About this exercise
Extract, unchanged, every line from the top of the material below through the line with "frame((0.0, 0.0, 206.0)))", and no more.
____
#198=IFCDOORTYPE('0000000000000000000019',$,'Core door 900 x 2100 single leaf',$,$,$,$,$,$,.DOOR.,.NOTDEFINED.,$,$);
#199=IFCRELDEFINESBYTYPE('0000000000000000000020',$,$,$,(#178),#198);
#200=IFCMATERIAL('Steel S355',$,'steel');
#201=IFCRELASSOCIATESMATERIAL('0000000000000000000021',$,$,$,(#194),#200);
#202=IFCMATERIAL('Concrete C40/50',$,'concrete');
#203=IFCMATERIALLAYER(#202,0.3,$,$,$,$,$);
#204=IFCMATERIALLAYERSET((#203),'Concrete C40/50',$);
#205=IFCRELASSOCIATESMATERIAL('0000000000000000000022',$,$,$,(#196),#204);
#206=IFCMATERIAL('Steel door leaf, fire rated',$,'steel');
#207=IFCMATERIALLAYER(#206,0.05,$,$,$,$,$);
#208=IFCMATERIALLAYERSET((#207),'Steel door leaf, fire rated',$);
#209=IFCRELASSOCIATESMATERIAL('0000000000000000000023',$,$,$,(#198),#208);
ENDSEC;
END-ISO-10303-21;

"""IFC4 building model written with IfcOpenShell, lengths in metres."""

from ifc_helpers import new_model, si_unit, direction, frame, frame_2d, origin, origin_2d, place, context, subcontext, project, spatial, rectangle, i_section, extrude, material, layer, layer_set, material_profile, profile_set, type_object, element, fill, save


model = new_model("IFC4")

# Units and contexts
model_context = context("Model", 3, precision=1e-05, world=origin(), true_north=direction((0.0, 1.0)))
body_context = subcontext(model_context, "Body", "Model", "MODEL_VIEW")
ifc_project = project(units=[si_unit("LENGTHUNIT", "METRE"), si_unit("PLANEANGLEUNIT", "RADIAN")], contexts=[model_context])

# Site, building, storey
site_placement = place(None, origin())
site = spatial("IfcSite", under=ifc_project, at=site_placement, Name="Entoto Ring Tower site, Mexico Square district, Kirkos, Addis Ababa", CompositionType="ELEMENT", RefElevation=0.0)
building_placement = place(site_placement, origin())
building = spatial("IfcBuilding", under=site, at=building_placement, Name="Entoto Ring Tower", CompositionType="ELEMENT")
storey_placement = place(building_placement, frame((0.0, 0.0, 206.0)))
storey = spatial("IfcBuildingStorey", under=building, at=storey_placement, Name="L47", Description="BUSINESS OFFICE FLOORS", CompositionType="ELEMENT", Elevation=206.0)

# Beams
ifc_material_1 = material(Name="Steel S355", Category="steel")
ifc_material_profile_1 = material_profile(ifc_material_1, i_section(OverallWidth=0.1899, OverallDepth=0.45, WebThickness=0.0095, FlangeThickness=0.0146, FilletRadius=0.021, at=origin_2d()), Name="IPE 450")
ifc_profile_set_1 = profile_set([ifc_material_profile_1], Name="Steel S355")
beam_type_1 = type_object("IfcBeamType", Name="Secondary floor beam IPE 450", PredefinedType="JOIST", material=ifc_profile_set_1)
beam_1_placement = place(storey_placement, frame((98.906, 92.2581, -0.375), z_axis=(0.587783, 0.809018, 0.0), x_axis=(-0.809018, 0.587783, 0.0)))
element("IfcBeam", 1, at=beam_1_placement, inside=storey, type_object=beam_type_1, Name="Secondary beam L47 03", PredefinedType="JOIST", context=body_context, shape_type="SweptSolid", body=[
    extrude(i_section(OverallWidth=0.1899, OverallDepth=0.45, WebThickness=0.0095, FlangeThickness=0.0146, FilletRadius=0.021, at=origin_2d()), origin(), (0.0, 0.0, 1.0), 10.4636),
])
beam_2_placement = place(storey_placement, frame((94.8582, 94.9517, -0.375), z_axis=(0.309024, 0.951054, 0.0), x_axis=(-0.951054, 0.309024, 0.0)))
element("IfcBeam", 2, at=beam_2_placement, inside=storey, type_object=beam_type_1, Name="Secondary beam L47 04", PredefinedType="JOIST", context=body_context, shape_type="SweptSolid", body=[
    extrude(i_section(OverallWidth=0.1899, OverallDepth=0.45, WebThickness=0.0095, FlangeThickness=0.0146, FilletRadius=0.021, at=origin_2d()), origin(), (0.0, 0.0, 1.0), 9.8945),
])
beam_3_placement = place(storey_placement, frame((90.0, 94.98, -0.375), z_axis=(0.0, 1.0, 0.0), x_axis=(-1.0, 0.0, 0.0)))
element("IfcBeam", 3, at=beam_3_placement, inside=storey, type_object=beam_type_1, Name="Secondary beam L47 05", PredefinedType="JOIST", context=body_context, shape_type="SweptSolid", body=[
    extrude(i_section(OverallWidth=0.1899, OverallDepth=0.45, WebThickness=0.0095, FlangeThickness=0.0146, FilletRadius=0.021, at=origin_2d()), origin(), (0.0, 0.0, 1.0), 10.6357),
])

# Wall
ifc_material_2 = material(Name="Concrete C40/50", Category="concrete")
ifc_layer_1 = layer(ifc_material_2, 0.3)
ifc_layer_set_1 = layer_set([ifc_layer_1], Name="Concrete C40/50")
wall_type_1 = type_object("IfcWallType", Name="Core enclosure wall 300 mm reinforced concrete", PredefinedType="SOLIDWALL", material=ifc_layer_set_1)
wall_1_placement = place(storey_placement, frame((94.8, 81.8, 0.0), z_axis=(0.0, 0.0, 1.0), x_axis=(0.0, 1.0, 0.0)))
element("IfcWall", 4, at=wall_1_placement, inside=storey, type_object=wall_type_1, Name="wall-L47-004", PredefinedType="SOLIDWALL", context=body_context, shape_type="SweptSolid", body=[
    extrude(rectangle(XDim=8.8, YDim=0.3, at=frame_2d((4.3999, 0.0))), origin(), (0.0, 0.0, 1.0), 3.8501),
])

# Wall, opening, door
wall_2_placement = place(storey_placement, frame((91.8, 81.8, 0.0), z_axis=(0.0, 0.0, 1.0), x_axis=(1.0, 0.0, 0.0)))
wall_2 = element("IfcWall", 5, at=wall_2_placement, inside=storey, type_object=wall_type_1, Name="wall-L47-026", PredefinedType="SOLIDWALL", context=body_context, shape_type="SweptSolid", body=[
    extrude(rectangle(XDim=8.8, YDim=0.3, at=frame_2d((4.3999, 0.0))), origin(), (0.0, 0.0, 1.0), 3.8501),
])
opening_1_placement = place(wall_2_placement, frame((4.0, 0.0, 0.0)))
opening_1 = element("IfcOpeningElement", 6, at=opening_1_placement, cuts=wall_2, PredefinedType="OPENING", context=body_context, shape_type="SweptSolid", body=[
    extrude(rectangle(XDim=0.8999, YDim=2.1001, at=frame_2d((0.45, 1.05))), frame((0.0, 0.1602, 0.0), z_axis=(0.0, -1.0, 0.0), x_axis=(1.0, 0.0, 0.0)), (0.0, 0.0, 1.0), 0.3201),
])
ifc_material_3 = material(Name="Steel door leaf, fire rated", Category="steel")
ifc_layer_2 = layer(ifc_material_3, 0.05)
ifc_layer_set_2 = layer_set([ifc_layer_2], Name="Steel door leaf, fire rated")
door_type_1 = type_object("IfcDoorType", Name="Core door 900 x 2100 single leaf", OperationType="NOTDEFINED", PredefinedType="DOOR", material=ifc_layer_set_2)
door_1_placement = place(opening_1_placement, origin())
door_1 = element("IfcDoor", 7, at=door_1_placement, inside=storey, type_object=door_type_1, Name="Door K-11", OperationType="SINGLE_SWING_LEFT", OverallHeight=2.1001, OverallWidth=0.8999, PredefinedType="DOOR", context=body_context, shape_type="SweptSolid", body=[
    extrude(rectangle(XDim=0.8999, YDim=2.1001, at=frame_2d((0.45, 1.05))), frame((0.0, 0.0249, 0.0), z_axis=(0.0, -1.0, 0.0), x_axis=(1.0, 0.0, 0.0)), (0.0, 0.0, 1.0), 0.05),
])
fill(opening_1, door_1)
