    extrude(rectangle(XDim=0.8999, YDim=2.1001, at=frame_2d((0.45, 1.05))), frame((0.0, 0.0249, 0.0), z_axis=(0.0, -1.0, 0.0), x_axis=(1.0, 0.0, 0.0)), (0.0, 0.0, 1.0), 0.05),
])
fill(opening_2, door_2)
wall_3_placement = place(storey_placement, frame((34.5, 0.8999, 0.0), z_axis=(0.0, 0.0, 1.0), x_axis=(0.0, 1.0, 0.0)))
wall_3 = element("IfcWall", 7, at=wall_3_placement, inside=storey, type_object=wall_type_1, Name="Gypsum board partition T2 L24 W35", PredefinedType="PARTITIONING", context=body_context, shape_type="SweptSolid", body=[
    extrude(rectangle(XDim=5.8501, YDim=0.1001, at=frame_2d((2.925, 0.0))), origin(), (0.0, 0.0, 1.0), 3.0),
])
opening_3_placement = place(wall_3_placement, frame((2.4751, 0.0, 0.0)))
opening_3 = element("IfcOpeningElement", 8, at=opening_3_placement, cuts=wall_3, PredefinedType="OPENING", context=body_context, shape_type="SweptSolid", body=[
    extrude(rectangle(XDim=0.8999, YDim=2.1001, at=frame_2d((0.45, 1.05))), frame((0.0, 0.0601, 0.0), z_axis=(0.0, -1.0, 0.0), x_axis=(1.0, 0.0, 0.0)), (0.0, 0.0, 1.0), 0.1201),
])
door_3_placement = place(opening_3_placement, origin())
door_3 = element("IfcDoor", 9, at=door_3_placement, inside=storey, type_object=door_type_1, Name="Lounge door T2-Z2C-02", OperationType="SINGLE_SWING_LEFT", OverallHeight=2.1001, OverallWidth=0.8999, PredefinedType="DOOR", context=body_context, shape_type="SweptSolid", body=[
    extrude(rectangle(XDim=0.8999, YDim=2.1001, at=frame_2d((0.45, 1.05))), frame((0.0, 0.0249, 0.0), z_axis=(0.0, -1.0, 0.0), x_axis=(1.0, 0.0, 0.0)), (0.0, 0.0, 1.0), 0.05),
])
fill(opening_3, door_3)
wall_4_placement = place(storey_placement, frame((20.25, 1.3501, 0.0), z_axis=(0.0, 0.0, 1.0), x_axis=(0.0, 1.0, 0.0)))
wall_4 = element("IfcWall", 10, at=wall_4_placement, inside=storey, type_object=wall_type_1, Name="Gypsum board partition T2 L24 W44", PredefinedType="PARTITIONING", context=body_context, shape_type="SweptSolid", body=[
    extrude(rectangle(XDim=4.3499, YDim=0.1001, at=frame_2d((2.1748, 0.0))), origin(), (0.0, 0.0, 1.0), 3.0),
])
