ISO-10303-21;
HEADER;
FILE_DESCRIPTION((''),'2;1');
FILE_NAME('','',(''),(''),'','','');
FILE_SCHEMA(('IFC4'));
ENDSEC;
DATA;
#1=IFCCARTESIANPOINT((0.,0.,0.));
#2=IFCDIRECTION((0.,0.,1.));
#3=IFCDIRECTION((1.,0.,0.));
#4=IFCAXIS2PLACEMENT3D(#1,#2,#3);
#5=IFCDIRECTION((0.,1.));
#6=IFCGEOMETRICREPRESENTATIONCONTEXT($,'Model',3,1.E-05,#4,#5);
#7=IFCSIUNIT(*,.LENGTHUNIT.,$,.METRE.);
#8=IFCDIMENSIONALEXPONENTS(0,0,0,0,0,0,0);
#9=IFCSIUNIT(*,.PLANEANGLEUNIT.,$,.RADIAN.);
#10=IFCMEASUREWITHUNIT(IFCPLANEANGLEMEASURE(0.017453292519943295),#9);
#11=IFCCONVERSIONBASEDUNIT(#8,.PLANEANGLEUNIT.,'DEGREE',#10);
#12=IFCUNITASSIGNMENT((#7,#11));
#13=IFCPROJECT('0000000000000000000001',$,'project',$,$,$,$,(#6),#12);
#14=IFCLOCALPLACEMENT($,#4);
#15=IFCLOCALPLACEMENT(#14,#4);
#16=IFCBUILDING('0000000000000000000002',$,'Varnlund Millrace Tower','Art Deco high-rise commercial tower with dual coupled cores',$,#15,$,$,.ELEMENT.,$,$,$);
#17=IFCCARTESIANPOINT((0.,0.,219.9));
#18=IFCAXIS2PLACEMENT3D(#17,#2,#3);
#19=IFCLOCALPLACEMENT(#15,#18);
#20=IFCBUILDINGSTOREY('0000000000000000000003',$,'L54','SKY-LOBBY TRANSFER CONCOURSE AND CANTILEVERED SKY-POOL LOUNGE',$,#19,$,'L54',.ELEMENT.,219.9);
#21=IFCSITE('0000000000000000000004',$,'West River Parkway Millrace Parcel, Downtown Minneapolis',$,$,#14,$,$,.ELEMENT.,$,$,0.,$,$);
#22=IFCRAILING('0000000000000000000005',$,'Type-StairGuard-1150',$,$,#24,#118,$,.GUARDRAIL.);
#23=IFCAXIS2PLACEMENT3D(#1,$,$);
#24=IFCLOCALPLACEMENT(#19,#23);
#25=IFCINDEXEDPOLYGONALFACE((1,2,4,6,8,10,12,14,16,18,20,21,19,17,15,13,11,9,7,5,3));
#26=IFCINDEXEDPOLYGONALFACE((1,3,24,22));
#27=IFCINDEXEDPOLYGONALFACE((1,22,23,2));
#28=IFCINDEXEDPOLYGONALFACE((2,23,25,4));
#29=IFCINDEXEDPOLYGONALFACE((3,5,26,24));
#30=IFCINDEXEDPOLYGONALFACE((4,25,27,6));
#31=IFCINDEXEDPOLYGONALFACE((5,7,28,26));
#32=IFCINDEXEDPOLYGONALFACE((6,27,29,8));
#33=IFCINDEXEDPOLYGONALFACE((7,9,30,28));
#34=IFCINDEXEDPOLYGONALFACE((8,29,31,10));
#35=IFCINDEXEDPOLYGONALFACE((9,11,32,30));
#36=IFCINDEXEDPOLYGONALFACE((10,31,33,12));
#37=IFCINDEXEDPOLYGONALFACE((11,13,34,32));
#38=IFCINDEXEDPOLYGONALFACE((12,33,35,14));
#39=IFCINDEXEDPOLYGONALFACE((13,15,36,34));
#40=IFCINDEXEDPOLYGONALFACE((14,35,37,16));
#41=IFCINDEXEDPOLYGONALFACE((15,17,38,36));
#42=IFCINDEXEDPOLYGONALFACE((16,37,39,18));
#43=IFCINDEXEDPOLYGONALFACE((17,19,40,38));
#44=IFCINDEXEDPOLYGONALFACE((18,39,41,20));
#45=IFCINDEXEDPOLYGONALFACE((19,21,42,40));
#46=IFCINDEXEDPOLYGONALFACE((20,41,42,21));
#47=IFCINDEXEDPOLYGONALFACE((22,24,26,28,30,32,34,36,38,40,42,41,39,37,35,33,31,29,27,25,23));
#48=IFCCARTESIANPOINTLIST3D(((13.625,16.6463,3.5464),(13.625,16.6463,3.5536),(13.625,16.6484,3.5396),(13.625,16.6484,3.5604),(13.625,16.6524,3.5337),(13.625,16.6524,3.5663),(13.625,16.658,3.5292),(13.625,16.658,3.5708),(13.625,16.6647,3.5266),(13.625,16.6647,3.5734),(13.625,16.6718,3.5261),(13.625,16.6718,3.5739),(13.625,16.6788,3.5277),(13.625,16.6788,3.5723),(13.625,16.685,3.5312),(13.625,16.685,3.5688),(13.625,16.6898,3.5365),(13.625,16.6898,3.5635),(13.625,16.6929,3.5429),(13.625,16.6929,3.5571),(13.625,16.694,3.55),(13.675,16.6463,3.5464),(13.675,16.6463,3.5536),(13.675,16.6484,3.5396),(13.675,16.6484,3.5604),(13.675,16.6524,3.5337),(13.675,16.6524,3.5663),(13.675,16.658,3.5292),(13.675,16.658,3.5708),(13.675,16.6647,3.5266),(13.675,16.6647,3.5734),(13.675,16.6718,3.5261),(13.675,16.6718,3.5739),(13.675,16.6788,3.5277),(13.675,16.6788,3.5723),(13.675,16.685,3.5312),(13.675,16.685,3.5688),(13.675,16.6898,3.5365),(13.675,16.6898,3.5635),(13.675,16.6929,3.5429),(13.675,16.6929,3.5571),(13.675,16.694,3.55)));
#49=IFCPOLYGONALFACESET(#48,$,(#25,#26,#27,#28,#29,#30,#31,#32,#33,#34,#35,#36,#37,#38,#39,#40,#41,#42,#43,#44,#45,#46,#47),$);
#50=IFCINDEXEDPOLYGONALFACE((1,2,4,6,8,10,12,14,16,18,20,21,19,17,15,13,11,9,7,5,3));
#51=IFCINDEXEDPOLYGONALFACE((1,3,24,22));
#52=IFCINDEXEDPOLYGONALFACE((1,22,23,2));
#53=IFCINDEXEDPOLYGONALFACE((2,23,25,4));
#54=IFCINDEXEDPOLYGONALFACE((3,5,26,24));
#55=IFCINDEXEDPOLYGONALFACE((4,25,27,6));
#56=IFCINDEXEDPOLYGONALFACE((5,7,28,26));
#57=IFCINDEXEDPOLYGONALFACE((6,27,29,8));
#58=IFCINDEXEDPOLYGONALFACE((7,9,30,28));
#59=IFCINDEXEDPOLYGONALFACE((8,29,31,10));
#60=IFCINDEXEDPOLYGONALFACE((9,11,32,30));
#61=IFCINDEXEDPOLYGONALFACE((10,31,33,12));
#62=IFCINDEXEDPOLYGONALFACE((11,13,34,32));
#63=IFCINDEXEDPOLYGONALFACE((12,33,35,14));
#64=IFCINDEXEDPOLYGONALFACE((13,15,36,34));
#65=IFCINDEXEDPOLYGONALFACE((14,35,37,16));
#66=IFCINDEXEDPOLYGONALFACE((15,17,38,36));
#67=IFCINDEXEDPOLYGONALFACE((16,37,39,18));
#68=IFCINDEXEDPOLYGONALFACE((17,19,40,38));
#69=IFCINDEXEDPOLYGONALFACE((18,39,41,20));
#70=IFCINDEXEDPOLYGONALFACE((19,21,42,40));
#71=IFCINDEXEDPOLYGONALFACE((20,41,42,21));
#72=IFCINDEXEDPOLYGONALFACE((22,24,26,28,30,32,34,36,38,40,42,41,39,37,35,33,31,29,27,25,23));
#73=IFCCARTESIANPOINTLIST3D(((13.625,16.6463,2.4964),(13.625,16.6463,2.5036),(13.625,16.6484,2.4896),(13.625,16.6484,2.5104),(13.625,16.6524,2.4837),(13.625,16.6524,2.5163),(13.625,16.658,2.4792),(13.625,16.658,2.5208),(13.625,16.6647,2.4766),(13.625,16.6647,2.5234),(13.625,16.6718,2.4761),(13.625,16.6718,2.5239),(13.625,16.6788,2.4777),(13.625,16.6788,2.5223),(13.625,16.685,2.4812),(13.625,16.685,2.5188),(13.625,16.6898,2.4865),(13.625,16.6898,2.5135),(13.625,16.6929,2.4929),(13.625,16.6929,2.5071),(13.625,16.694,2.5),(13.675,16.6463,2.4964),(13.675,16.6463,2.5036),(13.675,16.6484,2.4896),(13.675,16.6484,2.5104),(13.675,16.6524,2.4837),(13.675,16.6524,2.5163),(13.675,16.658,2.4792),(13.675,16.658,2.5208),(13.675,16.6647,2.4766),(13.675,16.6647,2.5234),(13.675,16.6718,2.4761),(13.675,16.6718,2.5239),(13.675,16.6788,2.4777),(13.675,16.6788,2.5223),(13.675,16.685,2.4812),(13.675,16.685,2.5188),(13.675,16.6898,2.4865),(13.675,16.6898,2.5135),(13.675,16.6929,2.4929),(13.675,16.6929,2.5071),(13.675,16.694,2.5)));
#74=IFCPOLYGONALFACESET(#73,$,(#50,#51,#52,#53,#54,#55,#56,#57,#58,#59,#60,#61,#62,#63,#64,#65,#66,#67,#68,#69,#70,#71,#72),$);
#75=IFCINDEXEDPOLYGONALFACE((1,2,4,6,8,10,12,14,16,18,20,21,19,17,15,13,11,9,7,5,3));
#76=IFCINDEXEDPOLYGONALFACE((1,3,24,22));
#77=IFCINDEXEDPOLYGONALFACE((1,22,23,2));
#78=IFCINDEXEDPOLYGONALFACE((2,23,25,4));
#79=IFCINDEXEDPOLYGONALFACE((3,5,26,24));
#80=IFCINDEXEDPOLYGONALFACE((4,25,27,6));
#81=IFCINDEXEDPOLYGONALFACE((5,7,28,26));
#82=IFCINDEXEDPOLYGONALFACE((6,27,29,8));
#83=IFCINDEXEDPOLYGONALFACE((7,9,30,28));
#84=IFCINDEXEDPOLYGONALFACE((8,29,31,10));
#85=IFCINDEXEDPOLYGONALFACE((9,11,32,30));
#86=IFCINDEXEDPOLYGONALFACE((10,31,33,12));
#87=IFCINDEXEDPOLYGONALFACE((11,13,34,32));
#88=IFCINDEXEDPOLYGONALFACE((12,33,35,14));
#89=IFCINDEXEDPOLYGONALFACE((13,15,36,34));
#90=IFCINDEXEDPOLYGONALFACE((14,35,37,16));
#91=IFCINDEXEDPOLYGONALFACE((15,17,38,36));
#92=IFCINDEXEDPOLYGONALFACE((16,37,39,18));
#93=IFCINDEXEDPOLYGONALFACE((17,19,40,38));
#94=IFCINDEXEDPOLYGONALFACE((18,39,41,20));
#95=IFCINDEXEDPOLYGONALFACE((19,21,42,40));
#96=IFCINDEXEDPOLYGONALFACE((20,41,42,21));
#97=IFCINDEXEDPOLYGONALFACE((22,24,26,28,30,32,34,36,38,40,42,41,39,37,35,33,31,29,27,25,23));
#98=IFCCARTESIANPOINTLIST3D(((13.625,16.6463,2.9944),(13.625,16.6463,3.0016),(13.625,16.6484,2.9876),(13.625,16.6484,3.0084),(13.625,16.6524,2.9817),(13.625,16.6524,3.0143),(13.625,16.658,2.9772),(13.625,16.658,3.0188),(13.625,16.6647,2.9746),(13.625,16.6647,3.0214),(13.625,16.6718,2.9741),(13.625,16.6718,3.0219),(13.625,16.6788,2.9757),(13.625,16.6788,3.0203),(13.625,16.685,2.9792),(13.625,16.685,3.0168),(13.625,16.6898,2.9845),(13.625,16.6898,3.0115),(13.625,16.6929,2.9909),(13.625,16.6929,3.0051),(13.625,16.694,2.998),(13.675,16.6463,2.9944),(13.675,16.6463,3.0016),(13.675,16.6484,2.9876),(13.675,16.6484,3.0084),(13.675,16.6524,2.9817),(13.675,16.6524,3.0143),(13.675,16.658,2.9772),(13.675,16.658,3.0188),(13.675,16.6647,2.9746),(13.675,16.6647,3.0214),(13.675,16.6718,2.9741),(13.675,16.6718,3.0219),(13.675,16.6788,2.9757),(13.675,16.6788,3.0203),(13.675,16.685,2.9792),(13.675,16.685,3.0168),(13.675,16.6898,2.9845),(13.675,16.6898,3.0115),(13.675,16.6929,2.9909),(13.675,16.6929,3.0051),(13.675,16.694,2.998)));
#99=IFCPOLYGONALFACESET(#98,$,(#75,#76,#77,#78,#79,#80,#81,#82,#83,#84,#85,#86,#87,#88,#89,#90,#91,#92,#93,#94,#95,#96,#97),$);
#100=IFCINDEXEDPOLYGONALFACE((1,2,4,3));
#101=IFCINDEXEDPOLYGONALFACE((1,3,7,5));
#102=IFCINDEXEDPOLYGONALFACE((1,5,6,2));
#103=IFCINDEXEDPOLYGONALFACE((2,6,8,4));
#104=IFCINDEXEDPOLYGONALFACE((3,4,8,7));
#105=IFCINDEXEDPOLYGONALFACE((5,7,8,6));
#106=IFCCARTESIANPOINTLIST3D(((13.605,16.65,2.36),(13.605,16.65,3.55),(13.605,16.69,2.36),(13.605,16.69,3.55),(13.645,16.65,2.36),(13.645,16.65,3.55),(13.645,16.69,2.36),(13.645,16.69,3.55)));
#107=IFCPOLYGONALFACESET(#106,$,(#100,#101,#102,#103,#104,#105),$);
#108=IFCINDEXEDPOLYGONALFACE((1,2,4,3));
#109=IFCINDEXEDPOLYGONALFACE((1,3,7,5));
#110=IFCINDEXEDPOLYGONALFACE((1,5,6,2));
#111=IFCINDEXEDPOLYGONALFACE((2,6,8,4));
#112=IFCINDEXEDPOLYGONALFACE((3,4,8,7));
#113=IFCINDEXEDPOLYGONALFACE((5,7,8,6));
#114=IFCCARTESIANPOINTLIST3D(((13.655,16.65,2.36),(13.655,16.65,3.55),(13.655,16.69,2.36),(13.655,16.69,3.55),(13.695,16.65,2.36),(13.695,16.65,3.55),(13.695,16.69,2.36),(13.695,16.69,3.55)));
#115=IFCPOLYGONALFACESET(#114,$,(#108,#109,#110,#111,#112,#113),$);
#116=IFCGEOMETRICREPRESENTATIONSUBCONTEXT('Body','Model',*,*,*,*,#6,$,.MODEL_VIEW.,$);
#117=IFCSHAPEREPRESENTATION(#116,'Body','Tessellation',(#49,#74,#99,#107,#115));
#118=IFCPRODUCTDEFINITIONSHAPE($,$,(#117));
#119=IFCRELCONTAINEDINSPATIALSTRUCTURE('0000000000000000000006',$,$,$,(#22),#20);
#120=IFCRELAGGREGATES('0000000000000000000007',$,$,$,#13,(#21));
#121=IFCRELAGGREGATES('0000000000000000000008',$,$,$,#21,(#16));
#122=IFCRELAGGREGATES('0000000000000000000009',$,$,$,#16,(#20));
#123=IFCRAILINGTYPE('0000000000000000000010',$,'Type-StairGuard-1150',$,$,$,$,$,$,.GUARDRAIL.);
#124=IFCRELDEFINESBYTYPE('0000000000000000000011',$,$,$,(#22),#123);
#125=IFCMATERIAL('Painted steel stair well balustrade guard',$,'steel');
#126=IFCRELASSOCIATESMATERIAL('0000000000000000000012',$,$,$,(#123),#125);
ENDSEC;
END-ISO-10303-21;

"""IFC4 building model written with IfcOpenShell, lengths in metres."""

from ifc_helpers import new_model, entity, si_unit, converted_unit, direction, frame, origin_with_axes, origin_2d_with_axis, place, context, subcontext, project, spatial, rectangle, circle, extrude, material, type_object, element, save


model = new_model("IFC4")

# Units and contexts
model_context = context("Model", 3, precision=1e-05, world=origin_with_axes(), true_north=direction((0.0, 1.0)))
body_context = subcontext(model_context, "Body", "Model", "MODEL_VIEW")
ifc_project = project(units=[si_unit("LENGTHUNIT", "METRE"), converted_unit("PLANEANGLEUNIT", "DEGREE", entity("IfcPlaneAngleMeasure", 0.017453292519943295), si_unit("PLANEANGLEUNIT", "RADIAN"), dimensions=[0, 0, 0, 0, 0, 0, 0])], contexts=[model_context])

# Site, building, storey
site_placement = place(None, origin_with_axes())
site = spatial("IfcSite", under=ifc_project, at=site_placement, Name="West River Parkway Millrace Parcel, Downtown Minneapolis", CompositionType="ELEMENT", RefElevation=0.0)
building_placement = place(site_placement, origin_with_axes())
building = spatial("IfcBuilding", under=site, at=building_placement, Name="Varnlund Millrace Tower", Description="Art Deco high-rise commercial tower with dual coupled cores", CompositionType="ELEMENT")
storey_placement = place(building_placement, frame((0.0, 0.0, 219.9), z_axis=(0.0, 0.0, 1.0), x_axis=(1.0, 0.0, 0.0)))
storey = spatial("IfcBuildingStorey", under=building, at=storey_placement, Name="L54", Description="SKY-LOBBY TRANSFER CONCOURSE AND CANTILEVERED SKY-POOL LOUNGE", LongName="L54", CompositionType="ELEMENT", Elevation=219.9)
____
Answer space
#198=IFCDOORTYPE('0000000000000000000019',$,'Core door 900 x 2100 single leaf',$,$,$,$,$,$,.DOOR.,.NOTDEFINED.,$,$);
#199=IFCRELDEFINESBYTYPE('0000000000000000000020',$,$,$,(#178),#198);
#200=IFCMATERIAL('Steel S355',$,'steel');
#201=IFCRELASSOCIATESMATERIAL('0000000000000000000021',$,$,$,(#194),#200);
#202=IFCMATERIAL('Concrete C40/50',$,'concrete');
#203=IFCMATERIALLAYER(#202,0.3,$,$,$,$,$);
#204=IFCMATERIALLAYERSET((#203),'Concrete C40/50',$);
#205=IFCRELASSOCIATESMATERIAL('0000000000000000000022',$,$,$,(#196),#204);
#206=IFCMATERIAL('Steel door leaf, fire rated',$,'steel');
#207=IFCMATERIALLAYER(#206,0.05,$,$,$,$,$);
#208=IFCMATERIALLAYERSET((#207),'Steel door leaf, fire rated',$);
#209=IFCRELASSOCIATESMATERIAL('0000000000000000000023',$,$,$,(#198),#208);
ENDSEC;
END-ISO-10303-21;

"""IFC4 building model written with IfcOpenShell, lengths in metres."""

from ifc_helpers import new_model, si_unit, direction, frame, frame_2d, origin, origin_2d, place, context, subcontext, project, spatial, rectangle, i_section, extrude, material, layer, layer_set, material_profile, profile_set, type_object, element, fill, save


model = new_model("IFC4")

# Units and contexts
model_context = context("Model", 3, precision=1e-05, world=origin(), true_north=direction((0.0, 1.0)))
body_context = subcontext(model_context, "Body", "Model", "MODEL_VIEW")
ifc_project = project(units=[si_unit("LENGTHUNIT", "METRE"), si_unit("PLANEANGLEUNIT", "RADIAN")], contexts=[model_context])

# Site, building, storey
site_placement = place(None, origin())
site = spatial("IfcSite", under=ifc_project, at=site_placement, Name="Entoto Ring Tower site, Mexico Square district, Kirkos, Addis Ababa", CompositionType="ELEMENT", RefElevation=0.0)
building_placement = place(site_placement, origin())
building = spatial("IfcBuilding", under=site, at=building_placement, Name="Entoto Ring Tower", CompositionType="ELEMENT")
storey_placement = place(building_placement, frame((0.0, 0.0, 206.0)))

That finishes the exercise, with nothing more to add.